ASSIGNMENT: Go through the material and copy each line in which the word "PredefinedType" shows up.

TASK INPUTS:

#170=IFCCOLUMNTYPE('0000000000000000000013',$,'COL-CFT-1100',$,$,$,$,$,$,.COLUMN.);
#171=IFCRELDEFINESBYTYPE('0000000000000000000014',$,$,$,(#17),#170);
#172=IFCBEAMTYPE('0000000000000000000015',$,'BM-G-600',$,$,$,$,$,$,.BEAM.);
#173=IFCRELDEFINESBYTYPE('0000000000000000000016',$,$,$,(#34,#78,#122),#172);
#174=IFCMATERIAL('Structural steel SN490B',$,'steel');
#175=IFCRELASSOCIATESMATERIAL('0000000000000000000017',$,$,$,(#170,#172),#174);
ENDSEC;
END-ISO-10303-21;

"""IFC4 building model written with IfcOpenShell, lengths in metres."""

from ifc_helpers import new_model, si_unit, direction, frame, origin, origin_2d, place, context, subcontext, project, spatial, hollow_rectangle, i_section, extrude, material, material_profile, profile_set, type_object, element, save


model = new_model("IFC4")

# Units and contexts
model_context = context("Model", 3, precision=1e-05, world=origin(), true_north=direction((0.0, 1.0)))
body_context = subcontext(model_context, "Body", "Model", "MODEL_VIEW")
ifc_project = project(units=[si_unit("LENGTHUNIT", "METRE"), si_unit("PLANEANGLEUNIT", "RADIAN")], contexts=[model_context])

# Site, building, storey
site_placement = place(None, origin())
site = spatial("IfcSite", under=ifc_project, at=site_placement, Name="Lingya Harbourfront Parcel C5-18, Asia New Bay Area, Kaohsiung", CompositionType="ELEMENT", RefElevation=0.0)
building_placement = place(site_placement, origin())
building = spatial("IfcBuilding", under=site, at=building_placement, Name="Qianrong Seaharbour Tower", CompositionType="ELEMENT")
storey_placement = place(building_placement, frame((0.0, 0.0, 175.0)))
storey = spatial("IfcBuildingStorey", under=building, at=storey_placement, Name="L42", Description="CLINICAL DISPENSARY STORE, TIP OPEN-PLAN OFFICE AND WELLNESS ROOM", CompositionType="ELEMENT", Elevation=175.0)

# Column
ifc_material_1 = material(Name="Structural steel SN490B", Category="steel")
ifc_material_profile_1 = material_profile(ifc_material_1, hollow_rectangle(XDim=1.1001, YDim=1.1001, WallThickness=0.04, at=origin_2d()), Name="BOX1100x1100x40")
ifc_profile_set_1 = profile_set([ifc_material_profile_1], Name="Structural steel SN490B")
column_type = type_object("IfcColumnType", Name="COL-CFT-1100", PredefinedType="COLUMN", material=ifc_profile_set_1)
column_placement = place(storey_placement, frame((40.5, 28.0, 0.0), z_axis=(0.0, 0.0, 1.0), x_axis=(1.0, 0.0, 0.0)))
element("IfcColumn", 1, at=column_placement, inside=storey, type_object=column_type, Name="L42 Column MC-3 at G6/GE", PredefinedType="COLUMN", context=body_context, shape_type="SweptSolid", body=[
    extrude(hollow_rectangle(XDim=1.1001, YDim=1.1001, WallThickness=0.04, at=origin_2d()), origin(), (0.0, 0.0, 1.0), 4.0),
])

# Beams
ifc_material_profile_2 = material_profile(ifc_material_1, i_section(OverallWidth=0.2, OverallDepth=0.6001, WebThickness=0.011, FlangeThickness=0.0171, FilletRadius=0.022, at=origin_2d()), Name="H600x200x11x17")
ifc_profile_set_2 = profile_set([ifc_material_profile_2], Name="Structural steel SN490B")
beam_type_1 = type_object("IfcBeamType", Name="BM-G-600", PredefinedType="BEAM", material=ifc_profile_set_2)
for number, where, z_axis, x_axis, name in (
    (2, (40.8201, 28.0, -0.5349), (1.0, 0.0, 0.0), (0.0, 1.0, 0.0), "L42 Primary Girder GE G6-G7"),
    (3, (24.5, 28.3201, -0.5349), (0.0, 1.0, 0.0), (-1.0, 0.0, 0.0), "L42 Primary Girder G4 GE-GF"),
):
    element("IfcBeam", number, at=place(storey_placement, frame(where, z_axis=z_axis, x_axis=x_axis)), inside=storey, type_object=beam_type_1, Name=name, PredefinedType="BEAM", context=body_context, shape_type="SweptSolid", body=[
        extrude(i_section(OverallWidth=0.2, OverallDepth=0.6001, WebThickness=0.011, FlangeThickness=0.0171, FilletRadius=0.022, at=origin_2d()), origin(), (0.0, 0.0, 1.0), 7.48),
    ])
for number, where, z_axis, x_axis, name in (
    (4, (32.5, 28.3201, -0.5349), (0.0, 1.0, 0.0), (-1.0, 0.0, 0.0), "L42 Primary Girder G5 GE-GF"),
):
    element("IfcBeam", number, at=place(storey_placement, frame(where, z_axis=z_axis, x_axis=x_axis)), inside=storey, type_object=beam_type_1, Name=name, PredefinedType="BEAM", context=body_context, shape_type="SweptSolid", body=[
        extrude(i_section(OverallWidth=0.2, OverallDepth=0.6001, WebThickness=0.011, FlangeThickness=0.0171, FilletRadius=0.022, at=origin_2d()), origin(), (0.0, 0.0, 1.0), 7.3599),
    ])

RESULT OF THIS EXERCISE:
column_type = type_object("IfcColumnType", Name="COL-CFT-1100", PredefinedType="COLUMN", material=ifc_profile_set_1)
element("IfcColumn", 1, at=column_placement, inside=storey, type_object=column_type, Name="L42 Column MC-3 at G6/GE", PredefinedType="COLUMN", context=body_context, shape_type="SweptSolid", body=[
beam_type_1 = type_object("IfcBeamType", Name="BM-G-600", PredefinedType="BEAM", material=ifc_profile_set_2)
    element("IfcBeam", number, at=place(storey_placement, frame(where, z_axis=z_axis, x_axis=x_axis)), inside=storey, type_object=beam_type_1, Name=name, PredefinedType="BEAM", context=body_context, shape_type="SweptSolid", body=[
    element("IfcBeam", number, at=place(storey_placement, frame(where, z_axis=z_axis, x_axis=x_axis)), inside=storey, type_object=beam_type_1, Name=name, PredefinedType="BEAM", context=body_context, shape_type="SweptSolid", body=[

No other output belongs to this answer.